- WHAT THE EXERCISE ASKS
Print exactly the lines below between the line holding "#120=IFCINDEXEDPOLYGONALFACE((1,5,7,3));" and the line holding "#123=IFCINDEXEDPOLYGONALFACE((5,6,8,7));", inclusive, and nothing more.

Collected data:
§ §
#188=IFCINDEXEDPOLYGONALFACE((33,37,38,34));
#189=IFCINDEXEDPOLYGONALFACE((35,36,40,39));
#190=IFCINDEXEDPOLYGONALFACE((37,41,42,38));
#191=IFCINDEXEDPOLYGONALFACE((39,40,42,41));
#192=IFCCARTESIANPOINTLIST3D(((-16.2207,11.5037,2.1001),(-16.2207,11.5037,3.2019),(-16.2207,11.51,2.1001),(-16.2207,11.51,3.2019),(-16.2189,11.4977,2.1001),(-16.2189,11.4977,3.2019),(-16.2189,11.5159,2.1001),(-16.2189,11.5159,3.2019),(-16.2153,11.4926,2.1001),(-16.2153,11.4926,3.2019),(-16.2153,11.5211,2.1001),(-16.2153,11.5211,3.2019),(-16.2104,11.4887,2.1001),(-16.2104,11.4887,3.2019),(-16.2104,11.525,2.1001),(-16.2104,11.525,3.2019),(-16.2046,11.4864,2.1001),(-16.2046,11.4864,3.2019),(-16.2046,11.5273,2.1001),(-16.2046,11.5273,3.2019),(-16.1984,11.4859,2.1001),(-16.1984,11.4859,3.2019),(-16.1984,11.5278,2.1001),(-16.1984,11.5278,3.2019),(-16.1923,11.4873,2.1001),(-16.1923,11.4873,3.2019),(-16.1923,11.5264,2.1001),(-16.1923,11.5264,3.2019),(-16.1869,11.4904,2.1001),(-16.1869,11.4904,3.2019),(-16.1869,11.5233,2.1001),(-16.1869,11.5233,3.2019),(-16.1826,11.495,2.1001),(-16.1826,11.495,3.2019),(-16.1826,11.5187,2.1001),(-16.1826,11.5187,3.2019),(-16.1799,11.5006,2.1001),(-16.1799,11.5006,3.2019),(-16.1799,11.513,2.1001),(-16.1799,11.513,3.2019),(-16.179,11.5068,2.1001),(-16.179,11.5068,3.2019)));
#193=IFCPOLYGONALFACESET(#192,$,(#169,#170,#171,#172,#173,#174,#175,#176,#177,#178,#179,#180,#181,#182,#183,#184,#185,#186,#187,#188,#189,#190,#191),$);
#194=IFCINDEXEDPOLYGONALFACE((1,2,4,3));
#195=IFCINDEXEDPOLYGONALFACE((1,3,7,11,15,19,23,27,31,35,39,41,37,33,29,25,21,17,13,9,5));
§ §
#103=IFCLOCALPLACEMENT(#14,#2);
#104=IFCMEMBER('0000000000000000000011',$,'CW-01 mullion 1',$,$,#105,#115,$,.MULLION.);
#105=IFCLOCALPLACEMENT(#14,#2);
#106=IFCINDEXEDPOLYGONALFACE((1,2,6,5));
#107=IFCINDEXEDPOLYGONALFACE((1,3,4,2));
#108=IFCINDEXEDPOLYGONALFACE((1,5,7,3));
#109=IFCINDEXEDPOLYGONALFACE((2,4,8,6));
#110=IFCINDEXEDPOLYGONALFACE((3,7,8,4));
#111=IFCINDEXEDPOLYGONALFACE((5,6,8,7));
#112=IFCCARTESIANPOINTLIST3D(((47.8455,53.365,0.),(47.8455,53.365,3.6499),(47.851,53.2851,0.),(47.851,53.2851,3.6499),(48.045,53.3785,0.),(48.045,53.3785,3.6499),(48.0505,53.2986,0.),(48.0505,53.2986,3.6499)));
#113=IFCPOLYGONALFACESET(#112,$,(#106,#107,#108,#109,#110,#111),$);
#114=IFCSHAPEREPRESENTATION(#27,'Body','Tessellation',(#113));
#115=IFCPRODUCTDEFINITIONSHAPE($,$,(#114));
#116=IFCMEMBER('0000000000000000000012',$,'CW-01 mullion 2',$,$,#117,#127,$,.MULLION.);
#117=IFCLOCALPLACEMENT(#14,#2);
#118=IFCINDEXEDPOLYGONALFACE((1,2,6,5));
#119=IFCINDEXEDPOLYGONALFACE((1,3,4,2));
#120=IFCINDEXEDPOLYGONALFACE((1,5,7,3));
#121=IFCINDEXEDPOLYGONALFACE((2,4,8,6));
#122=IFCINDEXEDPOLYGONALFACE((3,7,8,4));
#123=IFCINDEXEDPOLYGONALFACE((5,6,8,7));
§ §
- EXPECTED OUTPUT
#120=IFCINDEXEDPOLYGONALFACE((1,5,7,3));
#121=IFCINDEXEDPOLYGONALFACE((2,4,8,6));
#122=IFCINDEXEDPOLYGONALFACE((3,7,8,4));
#123=IFCINDEXEDPOLYGONALFACE((5,6,8,7));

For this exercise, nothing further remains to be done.